## WHAT YOU NEED TO DO
Provide only the number of lines in the records where "Body" appears.

## DATA SUPPLIED
——

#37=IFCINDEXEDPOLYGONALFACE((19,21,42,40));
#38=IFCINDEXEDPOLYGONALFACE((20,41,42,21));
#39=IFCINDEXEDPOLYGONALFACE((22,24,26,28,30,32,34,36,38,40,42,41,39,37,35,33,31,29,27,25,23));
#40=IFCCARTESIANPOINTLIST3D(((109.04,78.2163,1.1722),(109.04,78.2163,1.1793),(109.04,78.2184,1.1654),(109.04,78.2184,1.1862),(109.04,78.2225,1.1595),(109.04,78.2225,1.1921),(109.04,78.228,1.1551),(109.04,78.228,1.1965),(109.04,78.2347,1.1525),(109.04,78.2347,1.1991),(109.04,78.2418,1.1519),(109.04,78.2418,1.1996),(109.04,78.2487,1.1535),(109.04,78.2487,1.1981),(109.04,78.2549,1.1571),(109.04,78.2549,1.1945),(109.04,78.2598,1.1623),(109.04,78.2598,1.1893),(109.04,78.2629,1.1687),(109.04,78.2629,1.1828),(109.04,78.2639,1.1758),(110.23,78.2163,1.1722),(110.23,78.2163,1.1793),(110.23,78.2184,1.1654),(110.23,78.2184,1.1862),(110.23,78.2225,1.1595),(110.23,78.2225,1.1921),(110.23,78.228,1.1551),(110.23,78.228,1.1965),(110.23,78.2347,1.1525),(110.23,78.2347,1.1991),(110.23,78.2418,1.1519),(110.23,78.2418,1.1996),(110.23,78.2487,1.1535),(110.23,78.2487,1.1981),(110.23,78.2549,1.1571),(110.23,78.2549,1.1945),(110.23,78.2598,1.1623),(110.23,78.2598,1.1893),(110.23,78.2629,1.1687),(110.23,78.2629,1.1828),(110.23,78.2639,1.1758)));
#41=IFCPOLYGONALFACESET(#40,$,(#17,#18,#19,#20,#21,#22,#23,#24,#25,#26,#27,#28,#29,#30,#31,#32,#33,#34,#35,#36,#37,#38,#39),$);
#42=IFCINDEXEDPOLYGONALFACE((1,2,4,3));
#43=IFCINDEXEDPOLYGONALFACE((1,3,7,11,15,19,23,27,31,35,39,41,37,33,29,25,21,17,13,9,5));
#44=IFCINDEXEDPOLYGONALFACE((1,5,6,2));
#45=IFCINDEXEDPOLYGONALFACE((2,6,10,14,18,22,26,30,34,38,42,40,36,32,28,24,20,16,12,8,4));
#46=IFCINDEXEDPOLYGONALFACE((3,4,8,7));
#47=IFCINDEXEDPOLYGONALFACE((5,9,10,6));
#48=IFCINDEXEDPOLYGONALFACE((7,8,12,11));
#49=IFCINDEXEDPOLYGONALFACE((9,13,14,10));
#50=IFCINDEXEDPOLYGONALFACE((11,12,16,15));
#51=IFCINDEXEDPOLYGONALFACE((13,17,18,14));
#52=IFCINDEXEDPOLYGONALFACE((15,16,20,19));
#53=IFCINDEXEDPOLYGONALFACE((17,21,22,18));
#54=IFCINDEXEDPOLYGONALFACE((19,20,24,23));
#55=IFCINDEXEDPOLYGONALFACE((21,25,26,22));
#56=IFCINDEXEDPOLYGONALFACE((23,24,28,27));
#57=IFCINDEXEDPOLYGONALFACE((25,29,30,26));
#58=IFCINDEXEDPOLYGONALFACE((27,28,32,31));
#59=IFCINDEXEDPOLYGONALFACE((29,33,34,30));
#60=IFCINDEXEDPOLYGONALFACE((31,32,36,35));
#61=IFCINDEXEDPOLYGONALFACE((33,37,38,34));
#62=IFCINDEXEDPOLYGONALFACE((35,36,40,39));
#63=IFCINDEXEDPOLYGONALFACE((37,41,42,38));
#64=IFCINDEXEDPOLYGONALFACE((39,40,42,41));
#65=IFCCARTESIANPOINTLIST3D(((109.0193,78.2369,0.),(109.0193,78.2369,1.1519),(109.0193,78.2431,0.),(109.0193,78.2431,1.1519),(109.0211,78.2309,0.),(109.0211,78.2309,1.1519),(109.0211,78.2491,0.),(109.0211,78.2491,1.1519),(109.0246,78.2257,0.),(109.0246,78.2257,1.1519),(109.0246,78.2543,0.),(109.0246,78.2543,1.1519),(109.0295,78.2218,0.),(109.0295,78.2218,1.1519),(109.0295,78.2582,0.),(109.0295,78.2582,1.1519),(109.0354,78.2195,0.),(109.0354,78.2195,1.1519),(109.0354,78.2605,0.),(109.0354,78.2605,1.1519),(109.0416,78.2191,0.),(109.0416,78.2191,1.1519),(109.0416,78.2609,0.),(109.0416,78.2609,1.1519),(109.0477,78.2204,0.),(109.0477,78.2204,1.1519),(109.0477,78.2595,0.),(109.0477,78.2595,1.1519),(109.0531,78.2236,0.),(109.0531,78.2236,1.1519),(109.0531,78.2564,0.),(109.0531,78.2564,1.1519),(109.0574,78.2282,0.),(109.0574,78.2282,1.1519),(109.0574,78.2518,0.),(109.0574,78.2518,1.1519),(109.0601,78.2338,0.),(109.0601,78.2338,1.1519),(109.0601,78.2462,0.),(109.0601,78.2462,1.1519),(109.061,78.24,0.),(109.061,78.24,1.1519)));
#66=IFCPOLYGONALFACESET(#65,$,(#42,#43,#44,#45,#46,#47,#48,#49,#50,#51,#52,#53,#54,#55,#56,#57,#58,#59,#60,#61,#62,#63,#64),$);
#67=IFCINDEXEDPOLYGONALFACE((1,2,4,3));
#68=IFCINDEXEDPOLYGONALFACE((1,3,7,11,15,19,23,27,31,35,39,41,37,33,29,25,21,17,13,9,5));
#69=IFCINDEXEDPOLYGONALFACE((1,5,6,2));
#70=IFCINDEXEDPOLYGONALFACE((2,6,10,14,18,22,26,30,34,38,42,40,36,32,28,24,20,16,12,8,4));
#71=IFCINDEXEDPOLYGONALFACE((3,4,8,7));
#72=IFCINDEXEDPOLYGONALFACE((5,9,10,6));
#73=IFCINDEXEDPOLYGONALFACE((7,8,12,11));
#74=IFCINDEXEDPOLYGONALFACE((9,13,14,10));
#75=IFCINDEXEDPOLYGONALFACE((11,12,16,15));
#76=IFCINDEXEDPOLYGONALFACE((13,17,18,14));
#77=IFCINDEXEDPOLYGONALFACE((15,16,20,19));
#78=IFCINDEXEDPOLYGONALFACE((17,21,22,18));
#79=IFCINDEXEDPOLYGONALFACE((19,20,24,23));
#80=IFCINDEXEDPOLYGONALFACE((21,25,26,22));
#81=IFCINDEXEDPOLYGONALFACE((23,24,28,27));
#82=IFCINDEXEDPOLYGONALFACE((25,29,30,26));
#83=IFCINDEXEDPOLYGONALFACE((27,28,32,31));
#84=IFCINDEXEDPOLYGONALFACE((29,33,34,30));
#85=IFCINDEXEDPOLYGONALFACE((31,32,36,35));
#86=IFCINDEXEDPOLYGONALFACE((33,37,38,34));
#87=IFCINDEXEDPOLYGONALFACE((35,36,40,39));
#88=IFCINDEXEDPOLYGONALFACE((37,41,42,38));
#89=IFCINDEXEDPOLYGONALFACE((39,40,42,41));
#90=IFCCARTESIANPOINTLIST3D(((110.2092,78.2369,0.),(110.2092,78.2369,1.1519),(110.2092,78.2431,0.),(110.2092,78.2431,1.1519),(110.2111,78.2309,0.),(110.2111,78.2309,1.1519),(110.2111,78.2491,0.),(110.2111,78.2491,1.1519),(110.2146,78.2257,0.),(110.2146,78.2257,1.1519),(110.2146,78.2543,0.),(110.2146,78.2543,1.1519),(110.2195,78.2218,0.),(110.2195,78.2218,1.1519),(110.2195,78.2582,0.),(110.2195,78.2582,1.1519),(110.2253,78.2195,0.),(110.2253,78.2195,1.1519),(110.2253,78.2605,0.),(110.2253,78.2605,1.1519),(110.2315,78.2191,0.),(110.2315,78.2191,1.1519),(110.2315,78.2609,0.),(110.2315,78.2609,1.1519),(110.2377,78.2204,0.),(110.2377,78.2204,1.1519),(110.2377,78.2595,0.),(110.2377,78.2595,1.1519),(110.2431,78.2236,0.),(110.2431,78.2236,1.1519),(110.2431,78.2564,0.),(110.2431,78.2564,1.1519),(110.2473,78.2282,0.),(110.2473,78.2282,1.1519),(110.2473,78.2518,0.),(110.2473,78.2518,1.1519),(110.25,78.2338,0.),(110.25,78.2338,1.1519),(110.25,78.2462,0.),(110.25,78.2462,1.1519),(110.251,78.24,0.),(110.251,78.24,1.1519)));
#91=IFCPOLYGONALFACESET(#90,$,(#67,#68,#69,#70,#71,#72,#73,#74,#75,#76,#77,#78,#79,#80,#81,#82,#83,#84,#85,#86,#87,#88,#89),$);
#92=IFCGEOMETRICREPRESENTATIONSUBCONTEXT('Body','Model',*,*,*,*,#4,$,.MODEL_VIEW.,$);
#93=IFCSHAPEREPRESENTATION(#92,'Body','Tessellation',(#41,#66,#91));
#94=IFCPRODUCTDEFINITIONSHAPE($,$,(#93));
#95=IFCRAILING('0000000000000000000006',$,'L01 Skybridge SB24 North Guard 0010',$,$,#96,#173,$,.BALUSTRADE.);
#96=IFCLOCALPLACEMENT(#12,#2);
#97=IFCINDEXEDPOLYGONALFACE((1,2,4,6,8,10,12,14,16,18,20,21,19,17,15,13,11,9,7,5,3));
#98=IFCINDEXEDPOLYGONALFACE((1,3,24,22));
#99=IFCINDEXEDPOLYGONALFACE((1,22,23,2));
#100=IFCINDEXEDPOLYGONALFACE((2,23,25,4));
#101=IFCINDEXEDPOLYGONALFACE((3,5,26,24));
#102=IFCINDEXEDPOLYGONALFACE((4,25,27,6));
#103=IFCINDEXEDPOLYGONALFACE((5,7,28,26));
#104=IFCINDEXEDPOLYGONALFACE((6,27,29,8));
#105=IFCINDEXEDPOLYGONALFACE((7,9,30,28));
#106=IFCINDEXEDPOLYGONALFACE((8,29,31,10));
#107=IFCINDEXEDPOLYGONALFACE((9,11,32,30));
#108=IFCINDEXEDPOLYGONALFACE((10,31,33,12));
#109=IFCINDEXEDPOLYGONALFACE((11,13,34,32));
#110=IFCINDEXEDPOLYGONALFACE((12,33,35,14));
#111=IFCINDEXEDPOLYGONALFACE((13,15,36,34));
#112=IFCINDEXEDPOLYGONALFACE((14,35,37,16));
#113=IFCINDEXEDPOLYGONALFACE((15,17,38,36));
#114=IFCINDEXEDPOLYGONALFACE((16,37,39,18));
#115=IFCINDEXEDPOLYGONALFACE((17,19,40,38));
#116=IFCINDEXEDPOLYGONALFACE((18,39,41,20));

——

## OUTPUT BELOW
2